### Task instructions
Search the records for the word "OverallDepth" and pick out every line that has it.

Data items
---+---

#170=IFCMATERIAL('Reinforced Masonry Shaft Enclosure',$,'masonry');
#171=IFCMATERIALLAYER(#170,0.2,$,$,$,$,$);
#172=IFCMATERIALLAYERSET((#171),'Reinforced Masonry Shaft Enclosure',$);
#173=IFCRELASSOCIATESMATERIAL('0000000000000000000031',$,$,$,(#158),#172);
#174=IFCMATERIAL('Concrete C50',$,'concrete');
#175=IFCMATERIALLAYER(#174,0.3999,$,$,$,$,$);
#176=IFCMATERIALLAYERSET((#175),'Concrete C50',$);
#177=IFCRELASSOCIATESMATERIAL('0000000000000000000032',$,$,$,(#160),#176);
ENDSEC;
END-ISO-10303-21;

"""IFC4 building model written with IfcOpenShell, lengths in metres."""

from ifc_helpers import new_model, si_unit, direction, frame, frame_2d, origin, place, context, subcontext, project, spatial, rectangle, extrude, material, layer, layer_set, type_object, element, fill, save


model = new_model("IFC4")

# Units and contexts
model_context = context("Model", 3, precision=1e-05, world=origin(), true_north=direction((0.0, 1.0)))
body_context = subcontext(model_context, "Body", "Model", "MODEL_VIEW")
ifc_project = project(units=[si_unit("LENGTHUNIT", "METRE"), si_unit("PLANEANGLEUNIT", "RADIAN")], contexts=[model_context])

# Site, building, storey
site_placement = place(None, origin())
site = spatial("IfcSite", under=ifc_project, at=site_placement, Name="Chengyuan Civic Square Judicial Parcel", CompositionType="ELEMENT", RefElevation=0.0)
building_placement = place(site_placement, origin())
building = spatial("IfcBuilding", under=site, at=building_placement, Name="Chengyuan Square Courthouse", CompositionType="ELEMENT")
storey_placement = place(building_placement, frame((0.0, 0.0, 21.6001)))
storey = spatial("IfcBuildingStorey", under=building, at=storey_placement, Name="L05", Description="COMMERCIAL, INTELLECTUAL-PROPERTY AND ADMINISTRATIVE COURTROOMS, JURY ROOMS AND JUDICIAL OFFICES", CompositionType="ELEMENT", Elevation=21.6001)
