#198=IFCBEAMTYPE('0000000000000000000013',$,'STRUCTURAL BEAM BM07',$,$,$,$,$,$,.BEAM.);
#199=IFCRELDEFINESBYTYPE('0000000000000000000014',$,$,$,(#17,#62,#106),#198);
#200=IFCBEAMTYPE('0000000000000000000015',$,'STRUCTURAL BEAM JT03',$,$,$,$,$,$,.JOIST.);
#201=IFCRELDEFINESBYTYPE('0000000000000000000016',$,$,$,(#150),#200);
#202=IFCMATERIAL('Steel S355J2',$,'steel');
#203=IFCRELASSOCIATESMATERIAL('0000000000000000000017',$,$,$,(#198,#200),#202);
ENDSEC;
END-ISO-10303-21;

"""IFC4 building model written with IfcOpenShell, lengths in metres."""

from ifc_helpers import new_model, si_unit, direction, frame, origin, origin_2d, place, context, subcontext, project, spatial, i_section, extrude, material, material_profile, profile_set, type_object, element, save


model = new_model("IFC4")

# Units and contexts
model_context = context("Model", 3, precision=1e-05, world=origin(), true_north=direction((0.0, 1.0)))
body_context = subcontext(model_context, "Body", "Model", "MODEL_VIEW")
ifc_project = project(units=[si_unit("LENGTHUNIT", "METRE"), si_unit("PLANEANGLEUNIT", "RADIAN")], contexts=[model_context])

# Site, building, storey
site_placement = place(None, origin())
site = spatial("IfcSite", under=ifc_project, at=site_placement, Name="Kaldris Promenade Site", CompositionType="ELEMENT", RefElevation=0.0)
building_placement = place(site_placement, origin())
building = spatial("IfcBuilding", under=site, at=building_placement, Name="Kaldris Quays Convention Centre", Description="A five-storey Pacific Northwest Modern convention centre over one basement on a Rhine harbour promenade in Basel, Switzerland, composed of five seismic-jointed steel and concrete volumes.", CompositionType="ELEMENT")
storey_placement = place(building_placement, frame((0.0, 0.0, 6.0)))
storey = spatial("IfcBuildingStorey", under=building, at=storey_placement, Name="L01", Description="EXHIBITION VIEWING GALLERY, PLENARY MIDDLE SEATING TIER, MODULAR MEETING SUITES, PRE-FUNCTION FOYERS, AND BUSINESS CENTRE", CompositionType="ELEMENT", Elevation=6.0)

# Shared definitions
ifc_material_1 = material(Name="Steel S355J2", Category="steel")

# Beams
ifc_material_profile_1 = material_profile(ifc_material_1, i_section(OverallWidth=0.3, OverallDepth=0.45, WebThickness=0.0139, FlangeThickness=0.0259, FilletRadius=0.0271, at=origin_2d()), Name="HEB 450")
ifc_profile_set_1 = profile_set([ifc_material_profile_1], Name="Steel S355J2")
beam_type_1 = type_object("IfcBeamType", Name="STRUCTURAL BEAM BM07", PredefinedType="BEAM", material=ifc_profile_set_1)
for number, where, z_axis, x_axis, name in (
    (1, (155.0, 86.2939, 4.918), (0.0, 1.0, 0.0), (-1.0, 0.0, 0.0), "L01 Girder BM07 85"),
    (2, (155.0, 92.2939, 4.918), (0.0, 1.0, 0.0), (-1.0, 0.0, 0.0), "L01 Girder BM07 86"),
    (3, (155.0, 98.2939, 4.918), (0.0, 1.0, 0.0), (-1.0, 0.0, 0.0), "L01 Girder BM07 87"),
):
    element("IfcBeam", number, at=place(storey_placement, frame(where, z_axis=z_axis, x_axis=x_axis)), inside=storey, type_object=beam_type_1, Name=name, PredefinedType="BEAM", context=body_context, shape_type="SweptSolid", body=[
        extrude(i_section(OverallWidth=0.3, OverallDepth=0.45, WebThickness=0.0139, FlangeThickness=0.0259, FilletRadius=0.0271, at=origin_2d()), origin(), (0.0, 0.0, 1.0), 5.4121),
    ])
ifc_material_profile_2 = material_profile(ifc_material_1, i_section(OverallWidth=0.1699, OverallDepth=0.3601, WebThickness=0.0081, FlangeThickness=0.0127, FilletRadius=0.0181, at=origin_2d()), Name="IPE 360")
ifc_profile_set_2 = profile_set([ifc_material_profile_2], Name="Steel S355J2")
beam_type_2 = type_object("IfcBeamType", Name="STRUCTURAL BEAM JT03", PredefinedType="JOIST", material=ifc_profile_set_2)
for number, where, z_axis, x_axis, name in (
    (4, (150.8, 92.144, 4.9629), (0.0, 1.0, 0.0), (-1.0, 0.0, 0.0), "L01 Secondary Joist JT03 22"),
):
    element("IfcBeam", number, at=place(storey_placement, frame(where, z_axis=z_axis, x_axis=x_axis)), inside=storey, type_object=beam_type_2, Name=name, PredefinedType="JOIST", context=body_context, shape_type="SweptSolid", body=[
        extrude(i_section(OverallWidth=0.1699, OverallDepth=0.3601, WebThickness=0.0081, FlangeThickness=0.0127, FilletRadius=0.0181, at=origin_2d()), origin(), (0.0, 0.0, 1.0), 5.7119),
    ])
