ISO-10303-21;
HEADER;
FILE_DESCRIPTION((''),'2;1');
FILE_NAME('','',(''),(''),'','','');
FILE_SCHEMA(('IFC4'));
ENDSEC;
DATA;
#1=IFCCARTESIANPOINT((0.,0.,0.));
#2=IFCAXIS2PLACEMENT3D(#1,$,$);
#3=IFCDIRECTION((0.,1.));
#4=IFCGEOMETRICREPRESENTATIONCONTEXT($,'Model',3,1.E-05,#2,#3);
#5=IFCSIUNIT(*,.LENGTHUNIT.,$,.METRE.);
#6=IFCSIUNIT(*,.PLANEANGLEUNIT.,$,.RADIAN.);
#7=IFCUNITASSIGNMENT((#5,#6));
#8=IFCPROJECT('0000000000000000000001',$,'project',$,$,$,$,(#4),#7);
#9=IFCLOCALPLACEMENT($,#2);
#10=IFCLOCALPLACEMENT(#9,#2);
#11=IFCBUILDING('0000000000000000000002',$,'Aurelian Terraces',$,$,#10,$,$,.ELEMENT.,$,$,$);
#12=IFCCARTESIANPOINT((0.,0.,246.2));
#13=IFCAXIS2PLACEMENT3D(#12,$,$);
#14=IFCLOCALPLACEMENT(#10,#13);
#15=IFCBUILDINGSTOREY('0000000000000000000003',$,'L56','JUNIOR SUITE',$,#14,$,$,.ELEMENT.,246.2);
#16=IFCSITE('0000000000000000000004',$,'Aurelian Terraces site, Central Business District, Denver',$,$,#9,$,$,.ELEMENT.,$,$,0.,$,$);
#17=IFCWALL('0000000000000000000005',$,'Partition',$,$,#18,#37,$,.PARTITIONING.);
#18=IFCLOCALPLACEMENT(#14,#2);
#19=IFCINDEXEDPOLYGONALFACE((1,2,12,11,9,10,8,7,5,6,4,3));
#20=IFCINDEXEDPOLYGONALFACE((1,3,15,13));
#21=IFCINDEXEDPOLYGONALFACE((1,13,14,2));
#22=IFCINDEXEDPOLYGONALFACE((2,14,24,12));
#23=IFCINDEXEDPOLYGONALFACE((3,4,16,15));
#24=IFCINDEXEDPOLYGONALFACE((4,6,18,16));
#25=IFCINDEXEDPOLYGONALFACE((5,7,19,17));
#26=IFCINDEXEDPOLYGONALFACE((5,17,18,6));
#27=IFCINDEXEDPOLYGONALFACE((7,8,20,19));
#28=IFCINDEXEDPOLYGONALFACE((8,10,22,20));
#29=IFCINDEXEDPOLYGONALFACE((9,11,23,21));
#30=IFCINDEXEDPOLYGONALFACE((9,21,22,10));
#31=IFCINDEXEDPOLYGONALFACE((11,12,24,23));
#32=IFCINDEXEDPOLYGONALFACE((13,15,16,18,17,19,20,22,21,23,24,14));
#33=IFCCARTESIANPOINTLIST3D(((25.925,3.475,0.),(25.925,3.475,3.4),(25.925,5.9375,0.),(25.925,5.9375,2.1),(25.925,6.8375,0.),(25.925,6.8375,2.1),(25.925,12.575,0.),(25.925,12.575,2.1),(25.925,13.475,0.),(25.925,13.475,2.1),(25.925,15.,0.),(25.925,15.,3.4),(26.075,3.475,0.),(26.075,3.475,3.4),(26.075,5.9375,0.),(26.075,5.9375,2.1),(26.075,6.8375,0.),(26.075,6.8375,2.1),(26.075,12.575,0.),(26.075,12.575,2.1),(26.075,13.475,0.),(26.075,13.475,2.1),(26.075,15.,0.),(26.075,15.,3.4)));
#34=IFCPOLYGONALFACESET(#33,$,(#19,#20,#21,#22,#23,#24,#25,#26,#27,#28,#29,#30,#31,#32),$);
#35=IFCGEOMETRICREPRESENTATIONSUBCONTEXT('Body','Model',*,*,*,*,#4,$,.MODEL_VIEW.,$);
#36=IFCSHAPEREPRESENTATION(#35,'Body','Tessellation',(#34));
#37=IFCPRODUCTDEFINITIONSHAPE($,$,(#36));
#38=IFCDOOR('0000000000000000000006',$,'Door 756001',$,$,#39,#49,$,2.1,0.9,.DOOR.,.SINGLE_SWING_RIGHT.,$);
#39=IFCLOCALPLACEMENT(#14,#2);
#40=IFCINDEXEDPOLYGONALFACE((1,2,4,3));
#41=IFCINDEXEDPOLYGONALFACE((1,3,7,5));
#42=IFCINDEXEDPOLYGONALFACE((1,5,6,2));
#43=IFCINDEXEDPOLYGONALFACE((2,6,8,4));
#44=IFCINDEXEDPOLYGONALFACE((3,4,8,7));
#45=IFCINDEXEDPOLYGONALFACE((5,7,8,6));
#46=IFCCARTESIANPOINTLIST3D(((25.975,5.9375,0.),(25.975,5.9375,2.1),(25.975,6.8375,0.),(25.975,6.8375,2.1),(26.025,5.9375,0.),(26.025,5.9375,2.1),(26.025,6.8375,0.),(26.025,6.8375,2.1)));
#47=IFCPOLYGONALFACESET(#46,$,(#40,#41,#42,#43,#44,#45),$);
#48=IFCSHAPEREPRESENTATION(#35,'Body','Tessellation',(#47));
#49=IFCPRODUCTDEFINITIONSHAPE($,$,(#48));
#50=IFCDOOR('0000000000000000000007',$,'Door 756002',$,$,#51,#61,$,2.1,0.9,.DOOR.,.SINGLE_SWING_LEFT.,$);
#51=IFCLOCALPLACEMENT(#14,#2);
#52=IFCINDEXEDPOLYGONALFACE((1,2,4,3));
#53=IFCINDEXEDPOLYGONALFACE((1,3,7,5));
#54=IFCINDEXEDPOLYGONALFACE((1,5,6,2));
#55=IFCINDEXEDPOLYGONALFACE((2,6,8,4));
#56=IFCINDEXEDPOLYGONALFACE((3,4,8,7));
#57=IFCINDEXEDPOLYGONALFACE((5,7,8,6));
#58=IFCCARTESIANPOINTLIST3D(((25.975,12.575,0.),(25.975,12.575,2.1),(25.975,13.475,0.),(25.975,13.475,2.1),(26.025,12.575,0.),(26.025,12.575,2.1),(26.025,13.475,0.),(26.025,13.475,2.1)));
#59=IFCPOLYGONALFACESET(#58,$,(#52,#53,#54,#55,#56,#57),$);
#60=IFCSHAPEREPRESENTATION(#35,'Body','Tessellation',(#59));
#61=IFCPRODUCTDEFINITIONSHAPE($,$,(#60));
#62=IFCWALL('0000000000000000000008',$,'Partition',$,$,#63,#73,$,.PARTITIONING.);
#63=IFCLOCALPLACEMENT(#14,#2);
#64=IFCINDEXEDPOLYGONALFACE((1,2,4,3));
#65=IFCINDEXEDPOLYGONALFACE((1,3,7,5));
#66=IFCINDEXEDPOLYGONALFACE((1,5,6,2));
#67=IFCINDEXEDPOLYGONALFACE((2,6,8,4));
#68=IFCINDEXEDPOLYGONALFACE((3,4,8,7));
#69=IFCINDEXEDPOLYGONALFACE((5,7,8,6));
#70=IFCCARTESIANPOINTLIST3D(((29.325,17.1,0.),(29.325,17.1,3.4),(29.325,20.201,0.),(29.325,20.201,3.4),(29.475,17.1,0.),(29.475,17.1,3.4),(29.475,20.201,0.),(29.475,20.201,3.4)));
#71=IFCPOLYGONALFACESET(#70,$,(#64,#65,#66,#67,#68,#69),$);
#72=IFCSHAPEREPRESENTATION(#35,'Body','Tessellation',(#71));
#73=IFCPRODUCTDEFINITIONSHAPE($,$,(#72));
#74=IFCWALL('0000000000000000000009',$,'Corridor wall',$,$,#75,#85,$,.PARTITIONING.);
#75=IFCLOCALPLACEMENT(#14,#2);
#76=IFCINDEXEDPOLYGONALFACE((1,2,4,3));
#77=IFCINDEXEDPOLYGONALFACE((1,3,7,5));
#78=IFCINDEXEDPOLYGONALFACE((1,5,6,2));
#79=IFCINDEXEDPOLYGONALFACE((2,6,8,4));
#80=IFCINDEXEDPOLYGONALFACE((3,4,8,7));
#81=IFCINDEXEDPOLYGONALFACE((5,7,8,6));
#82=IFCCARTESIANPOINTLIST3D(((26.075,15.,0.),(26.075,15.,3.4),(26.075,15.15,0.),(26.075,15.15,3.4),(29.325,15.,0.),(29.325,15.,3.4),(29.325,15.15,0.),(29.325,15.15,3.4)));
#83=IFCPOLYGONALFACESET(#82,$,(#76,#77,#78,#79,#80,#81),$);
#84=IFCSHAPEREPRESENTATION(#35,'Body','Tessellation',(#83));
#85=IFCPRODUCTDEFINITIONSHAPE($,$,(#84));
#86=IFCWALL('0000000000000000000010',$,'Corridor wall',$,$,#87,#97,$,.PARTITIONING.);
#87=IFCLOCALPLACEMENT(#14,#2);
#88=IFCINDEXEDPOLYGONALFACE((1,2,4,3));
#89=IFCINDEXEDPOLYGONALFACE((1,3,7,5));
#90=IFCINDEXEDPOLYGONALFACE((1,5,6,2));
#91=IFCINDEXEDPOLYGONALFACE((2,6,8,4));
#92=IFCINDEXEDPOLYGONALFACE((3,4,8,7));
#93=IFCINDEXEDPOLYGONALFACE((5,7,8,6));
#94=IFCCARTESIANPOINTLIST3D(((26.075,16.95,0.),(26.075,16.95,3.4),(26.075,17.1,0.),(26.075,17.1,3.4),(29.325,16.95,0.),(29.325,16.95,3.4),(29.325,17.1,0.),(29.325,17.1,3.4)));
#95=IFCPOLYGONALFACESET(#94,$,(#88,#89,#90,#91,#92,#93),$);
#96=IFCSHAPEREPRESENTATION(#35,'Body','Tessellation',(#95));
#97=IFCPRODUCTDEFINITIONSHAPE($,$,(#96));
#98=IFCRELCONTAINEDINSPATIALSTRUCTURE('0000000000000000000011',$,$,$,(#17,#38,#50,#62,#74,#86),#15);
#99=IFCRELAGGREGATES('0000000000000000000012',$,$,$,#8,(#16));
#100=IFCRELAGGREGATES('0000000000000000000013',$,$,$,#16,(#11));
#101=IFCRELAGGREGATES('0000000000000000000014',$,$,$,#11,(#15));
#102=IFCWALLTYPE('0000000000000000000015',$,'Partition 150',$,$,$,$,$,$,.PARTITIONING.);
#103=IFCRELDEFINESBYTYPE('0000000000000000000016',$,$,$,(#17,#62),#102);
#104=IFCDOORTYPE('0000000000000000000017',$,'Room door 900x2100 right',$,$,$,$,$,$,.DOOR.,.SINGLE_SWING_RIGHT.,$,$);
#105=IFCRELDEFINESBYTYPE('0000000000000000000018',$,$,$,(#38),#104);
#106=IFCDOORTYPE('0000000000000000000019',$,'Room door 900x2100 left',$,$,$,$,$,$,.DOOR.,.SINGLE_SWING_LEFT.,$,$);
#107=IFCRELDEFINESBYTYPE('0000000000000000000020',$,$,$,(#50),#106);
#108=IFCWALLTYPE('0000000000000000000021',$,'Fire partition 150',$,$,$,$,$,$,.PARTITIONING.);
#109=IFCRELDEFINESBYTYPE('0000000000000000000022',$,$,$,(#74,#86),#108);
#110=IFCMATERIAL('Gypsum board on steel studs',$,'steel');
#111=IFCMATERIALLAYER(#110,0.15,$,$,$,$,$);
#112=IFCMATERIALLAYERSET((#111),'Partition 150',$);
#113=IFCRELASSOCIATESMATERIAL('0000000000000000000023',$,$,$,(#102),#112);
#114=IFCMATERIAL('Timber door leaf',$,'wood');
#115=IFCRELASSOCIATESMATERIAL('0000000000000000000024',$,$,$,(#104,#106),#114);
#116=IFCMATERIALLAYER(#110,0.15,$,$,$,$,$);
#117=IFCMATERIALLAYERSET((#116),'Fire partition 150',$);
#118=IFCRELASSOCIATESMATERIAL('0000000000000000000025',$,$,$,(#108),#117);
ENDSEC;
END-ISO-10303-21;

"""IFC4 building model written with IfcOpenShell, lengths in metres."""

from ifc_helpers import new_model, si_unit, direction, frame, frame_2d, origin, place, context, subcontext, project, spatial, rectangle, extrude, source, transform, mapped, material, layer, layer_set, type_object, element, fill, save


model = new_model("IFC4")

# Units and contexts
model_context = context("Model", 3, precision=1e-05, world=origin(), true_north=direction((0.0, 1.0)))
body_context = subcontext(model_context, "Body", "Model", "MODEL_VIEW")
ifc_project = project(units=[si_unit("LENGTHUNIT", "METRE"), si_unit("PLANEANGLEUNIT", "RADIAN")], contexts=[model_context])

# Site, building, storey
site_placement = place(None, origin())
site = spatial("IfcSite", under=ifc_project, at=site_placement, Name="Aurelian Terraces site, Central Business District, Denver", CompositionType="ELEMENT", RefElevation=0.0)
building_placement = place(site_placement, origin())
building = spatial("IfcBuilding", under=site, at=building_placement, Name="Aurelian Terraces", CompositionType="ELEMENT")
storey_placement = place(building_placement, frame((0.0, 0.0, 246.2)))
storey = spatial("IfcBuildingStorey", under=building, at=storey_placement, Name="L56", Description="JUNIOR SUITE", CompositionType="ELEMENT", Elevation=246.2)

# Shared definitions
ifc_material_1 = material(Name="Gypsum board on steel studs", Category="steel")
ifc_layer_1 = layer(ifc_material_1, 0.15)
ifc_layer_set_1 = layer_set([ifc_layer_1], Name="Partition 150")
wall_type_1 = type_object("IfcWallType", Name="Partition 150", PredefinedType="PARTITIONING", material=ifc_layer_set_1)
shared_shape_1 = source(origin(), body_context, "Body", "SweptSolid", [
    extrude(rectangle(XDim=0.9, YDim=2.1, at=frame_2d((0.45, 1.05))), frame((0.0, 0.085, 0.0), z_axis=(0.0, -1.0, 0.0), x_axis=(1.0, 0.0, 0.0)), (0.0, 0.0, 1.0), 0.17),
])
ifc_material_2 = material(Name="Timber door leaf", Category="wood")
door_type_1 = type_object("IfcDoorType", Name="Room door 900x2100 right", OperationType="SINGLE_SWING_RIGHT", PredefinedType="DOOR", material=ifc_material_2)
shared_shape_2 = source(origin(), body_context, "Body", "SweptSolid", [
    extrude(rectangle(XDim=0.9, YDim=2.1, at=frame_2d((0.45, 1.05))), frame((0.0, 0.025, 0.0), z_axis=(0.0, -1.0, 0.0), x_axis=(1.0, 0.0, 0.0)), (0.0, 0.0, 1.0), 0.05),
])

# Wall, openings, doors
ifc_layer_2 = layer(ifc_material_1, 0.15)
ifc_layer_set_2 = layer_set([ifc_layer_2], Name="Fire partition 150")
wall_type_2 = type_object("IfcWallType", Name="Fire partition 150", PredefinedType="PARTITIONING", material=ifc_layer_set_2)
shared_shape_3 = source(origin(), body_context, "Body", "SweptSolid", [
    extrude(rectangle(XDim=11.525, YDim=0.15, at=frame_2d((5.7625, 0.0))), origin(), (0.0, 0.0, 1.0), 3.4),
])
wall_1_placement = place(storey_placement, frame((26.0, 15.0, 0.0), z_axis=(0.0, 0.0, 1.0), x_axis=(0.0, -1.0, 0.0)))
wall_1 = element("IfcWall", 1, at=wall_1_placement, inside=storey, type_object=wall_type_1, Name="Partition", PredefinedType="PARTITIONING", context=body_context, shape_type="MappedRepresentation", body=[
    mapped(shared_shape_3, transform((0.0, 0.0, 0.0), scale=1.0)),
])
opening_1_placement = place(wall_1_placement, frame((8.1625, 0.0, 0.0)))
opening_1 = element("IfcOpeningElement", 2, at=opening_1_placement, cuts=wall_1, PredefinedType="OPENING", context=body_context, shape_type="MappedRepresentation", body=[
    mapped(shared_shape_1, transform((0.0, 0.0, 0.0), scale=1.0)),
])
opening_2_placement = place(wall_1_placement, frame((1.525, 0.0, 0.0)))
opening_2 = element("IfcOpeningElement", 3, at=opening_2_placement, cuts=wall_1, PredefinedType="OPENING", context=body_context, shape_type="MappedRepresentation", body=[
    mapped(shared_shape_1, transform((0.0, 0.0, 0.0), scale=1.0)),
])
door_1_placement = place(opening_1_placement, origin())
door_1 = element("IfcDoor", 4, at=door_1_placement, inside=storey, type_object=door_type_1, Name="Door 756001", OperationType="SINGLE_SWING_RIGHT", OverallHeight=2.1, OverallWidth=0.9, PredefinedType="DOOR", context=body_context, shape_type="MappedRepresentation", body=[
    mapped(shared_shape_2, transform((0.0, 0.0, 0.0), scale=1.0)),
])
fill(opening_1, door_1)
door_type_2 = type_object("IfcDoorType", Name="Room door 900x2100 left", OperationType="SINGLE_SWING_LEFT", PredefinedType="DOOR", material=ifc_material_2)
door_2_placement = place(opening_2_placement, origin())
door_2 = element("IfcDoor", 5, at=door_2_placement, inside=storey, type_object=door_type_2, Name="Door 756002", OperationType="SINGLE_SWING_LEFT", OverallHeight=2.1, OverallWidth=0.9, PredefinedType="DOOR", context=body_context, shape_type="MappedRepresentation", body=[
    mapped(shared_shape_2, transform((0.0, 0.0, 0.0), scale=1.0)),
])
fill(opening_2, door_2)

---+---

### Completed task
ifc_material_profile_1 = material_profile(ifc_material_1, i_section(OverallWidth=0.3, OverallDepth=0.45, WebThickness=0.0139, FlangeThickness=0.0259, FilletRadius=0.0271, at=origin_2d()), Name="HEB 450")
        extrude(i_section(OverallWidth=0.3, OverallDepth=0.45, WebThickness=0.0139, FlangeThickness=0.0259, FilletRadius=0.0271, at=origin_2d()), origin(), (0.0, 0.0, 1.0), 5.4121),
ifc_material_profile_2 = material_profile(ifc_material_1, i_section(OverallWidth=0.1699, OverallDepth=0.3601, WebThickness=0.0081, FlangeThickness=0.0127, FilletRadius=0.0181, at=origin_2d()), Name="IPE 360")
        extrude(i_section(OverallWidth=0.1699, OverallDepth=0.3601, WebThickness=0.0081, FlangeThickness=0.0127, FilletRadius=0.0181, at=origin_2d()), origin(), (0.0, 0.0, 1.0), 5.7119),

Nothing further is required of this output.